Stored data:

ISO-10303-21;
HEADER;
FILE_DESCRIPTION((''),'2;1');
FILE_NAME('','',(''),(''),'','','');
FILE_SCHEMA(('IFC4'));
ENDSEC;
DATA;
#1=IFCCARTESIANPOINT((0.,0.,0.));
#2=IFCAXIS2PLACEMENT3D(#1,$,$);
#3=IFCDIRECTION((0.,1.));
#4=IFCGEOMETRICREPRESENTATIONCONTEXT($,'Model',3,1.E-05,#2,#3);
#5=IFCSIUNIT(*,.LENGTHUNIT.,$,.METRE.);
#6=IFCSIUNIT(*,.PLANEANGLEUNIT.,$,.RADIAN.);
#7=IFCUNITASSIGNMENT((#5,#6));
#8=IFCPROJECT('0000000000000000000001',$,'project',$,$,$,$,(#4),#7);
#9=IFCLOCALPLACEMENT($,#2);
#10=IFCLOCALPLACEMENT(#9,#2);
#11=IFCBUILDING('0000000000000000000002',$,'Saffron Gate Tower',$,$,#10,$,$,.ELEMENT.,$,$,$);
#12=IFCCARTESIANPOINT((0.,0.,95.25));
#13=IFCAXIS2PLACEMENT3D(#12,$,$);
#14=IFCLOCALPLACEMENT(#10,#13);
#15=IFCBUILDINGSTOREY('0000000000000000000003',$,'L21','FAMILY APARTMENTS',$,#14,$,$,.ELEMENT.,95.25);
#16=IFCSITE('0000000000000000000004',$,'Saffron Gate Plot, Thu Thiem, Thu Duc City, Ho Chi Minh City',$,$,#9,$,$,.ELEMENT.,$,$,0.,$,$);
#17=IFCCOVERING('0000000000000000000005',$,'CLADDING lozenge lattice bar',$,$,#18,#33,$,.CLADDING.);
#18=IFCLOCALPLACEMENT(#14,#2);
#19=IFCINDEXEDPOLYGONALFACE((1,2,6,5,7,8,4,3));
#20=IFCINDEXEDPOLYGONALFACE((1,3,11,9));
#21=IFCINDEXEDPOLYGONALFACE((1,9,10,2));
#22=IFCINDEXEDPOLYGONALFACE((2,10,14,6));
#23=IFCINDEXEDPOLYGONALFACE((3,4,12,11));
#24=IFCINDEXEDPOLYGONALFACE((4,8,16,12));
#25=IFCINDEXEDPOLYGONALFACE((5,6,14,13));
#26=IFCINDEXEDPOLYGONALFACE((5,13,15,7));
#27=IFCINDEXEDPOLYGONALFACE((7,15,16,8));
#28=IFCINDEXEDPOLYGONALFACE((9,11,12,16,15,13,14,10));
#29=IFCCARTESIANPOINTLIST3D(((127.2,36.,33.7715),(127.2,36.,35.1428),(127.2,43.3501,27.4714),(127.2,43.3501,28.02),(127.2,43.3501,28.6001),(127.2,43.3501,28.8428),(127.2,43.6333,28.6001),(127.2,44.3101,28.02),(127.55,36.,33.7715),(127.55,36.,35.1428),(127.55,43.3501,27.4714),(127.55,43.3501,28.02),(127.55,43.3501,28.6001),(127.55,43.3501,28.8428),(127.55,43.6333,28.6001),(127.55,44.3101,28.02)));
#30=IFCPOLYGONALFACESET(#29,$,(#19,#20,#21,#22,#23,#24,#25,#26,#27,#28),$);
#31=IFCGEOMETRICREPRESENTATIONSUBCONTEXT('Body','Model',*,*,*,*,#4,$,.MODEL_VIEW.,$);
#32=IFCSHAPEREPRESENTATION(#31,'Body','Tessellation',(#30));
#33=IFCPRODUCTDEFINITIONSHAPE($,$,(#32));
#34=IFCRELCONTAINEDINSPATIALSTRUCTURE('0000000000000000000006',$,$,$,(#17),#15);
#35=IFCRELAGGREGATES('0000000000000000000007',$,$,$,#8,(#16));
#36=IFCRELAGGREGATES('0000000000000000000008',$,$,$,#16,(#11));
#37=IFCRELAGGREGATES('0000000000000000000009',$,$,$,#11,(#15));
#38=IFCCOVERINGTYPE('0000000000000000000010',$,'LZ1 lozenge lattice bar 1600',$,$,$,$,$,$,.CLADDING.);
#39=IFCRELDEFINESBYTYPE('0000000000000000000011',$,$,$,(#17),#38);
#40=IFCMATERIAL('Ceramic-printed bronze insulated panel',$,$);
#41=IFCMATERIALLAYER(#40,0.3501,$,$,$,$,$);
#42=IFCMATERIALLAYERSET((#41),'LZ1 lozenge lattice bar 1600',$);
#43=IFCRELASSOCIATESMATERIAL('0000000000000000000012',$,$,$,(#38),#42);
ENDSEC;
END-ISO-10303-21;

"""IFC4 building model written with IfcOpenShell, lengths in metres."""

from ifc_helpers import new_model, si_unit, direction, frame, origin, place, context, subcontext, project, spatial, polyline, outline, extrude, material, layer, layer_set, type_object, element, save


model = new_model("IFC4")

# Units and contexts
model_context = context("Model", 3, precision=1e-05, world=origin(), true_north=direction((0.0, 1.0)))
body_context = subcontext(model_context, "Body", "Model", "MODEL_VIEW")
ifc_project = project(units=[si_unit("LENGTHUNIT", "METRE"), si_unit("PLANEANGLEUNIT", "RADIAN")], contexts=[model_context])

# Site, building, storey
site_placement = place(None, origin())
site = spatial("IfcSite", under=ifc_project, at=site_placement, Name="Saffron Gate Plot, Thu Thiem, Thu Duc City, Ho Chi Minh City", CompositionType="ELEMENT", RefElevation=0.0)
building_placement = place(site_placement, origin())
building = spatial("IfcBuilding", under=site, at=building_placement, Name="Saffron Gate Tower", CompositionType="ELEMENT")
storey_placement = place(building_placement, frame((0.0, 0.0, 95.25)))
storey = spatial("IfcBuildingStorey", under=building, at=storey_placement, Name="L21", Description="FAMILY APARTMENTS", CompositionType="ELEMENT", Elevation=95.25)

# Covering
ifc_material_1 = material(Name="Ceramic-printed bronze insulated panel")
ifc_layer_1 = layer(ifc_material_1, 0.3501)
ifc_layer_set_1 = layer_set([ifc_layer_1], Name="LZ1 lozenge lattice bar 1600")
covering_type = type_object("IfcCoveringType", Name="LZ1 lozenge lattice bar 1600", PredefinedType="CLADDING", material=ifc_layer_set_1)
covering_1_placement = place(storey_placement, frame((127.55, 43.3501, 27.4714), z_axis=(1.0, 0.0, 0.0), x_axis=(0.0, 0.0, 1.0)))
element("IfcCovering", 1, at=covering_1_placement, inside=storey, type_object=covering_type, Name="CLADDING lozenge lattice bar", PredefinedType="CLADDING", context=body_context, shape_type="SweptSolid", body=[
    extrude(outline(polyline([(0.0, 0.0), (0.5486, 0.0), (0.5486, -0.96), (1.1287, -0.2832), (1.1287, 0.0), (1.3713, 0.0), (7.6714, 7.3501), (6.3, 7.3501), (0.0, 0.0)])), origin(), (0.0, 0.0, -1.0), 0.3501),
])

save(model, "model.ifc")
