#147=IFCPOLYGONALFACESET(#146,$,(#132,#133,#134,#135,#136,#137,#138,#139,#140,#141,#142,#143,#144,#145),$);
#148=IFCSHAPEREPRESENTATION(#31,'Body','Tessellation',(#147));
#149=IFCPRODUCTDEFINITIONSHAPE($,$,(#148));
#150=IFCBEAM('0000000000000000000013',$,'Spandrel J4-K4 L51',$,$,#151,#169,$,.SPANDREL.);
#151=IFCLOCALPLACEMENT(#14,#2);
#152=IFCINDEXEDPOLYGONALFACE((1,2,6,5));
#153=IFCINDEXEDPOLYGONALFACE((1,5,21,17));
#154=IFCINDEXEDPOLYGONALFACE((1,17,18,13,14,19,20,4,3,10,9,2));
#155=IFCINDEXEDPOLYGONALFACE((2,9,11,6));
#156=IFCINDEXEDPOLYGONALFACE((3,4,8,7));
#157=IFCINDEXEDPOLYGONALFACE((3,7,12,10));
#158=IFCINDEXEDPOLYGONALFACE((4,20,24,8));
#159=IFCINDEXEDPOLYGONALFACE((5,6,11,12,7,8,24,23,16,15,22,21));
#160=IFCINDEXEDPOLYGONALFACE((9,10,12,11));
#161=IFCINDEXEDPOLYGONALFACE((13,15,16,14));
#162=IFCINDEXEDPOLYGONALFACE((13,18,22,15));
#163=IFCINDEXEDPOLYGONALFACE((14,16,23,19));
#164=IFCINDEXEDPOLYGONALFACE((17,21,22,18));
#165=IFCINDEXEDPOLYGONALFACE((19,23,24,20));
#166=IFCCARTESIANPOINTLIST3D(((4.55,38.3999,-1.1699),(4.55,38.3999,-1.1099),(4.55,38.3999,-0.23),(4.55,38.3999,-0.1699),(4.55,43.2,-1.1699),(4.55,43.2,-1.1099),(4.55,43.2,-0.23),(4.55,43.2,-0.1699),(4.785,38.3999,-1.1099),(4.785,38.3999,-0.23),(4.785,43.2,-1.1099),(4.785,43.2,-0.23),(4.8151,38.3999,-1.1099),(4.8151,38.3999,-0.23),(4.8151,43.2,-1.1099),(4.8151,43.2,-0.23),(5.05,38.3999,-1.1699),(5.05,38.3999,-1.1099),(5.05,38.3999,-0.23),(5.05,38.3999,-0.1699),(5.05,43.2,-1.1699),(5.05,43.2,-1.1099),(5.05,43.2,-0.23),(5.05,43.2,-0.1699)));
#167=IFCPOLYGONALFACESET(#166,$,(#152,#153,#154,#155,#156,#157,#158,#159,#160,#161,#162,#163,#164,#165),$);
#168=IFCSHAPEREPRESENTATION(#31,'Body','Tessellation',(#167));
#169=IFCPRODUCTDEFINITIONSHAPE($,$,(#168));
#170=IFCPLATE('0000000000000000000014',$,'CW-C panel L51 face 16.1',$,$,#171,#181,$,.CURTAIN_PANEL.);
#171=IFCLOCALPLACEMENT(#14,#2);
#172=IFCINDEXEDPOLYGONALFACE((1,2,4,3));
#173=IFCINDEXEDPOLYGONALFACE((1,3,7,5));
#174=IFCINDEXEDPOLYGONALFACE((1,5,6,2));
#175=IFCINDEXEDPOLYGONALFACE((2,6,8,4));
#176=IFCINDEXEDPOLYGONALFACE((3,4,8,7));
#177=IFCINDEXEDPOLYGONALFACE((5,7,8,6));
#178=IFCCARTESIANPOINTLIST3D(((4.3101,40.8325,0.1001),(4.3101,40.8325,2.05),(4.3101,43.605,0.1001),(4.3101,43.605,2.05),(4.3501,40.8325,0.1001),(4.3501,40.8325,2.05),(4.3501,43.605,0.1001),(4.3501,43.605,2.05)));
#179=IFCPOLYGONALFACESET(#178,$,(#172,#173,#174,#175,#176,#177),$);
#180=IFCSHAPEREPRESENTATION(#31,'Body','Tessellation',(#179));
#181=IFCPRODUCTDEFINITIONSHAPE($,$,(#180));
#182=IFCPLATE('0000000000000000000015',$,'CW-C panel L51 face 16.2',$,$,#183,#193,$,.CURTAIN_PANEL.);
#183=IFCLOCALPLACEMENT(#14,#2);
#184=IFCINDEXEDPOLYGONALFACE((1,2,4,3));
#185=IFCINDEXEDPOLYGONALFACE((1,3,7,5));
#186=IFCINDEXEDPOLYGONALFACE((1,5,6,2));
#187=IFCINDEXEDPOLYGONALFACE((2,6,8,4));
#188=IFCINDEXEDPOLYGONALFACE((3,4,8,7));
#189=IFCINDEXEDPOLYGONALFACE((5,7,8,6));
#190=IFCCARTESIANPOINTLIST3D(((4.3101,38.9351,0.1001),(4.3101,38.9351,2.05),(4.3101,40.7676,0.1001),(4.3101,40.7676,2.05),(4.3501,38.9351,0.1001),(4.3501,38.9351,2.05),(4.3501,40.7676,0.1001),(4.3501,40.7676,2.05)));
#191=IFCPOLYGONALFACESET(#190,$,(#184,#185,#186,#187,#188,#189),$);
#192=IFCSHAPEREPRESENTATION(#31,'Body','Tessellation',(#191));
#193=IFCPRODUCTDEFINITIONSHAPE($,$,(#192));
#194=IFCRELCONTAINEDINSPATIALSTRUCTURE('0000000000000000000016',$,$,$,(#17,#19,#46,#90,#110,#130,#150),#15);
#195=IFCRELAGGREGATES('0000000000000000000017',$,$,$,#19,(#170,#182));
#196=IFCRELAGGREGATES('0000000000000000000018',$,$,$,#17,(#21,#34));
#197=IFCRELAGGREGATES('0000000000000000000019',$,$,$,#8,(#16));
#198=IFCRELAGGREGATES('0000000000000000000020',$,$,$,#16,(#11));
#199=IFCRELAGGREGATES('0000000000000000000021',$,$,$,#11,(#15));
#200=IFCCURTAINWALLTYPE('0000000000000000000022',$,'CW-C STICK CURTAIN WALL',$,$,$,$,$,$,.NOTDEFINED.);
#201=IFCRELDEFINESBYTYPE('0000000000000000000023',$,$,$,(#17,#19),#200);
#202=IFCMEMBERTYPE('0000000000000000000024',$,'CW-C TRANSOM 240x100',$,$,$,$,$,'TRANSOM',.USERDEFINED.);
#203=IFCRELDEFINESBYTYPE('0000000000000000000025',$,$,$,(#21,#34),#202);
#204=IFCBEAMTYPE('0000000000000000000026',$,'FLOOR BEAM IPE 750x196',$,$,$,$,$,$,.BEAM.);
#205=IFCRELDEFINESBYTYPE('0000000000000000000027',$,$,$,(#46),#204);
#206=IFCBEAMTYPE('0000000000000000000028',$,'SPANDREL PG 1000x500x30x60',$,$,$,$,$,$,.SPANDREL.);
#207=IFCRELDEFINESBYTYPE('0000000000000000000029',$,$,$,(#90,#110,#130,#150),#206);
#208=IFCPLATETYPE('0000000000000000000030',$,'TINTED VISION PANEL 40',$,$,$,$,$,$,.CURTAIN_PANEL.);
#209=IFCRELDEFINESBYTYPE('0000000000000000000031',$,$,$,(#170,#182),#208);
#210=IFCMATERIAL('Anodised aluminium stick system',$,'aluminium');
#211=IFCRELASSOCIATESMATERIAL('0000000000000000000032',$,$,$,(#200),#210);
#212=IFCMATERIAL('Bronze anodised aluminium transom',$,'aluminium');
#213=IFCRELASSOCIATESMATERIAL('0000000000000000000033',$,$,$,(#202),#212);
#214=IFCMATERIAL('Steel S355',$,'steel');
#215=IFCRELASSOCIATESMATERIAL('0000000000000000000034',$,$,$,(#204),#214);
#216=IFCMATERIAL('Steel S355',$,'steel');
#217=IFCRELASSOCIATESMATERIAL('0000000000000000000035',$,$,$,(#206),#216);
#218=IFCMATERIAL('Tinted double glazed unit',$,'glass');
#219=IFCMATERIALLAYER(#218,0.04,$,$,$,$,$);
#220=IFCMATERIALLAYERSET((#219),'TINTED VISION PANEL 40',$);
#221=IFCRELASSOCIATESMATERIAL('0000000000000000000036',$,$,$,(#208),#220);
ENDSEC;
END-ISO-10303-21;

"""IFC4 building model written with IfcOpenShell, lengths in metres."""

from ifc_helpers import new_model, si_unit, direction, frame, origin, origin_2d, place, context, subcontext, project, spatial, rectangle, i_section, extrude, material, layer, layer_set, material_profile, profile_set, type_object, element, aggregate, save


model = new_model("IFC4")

EXERCISE DESCRIPTION: Give the number of lines in the entries that hold the word "IFCRELCONTAINEDINSPATIALSTRUCTURE", and nothing else.

TASK RESULT: 2